> _EXTRACTED RECORDS_:

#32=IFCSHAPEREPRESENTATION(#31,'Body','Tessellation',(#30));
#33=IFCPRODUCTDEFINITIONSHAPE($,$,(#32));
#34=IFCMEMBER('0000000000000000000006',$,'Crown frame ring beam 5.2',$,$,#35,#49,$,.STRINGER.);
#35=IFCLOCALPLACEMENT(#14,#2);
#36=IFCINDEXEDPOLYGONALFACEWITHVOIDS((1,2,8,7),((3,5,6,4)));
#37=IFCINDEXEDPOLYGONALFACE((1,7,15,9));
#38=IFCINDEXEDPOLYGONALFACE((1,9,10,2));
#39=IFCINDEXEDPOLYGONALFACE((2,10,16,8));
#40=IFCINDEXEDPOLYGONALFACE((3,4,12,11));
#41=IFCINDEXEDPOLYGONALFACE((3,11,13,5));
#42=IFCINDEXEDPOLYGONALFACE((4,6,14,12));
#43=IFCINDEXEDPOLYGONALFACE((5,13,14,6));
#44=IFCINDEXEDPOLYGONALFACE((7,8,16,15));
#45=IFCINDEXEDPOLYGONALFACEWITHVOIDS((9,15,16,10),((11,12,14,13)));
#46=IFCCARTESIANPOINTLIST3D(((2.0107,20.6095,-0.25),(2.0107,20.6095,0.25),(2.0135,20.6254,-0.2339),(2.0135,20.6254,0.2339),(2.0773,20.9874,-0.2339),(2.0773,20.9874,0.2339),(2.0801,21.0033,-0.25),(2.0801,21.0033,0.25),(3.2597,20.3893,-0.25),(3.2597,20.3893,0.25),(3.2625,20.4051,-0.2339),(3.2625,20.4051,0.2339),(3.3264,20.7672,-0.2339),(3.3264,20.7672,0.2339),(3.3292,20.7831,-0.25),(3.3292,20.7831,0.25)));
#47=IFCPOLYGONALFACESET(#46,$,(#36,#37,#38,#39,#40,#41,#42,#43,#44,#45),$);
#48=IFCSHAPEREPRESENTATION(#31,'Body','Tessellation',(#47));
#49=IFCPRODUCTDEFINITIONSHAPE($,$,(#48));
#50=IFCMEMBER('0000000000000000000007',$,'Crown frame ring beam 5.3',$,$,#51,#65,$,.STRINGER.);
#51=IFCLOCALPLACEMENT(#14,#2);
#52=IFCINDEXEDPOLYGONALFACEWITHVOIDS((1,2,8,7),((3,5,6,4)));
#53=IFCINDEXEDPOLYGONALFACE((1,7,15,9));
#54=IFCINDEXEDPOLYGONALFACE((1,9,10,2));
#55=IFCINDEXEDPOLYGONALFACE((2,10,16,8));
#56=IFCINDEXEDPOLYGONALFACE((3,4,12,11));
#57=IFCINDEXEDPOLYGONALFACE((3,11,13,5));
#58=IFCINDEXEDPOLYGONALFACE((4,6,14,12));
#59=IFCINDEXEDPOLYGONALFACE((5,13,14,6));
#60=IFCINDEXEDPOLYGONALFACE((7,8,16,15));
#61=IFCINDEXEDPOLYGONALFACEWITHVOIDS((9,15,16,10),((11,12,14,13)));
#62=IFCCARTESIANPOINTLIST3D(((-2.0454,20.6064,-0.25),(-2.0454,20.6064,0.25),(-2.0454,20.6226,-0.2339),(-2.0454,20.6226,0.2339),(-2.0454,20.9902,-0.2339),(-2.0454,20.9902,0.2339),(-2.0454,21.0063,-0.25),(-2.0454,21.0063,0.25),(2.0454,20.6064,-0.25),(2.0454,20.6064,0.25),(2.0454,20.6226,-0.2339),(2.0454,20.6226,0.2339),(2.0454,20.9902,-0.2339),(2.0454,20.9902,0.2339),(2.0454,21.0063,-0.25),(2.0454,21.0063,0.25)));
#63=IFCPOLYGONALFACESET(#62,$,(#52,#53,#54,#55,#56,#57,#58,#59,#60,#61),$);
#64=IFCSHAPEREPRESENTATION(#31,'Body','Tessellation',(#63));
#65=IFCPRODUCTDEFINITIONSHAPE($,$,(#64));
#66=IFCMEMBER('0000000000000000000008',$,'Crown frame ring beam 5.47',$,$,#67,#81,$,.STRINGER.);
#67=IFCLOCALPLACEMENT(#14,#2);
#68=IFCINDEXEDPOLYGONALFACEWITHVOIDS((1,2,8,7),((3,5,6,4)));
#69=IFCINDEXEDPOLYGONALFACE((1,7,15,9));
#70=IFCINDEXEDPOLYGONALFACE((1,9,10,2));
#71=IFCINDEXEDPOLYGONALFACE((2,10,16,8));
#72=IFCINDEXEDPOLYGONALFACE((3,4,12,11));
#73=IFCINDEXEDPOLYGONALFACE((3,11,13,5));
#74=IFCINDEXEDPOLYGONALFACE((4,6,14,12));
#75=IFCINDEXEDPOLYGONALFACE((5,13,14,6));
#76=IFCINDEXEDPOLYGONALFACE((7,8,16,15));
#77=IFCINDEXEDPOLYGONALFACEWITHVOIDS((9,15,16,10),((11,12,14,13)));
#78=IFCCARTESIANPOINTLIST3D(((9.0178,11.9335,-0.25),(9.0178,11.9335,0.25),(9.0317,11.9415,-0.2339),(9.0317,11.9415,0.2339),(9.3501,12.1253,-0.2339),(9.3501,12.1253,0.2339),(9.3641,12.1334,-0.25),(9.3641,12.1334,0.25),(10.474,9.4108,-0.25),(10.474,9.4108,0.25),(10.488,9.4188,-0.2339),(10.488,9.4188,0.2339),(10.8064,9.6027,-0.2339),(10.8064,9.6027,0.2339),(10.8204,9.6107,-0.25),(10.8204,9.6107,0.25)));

> _ASSIGNMENT_: Whenever the string "IFCPRODUCTDEFINITIONSHAPE" turns up in a line of the data, copy that line.

> _PROBLEM SOLUTION_:
#33=IFCPRODUCTDEFINITIONSHAPE($,$,(#32));
#49=IFCPRODUCTDEFINITIONSHAPE($,$,(#48));
#65=IFCPRODUCTDEFINITIONSHAPE($,$,(#64));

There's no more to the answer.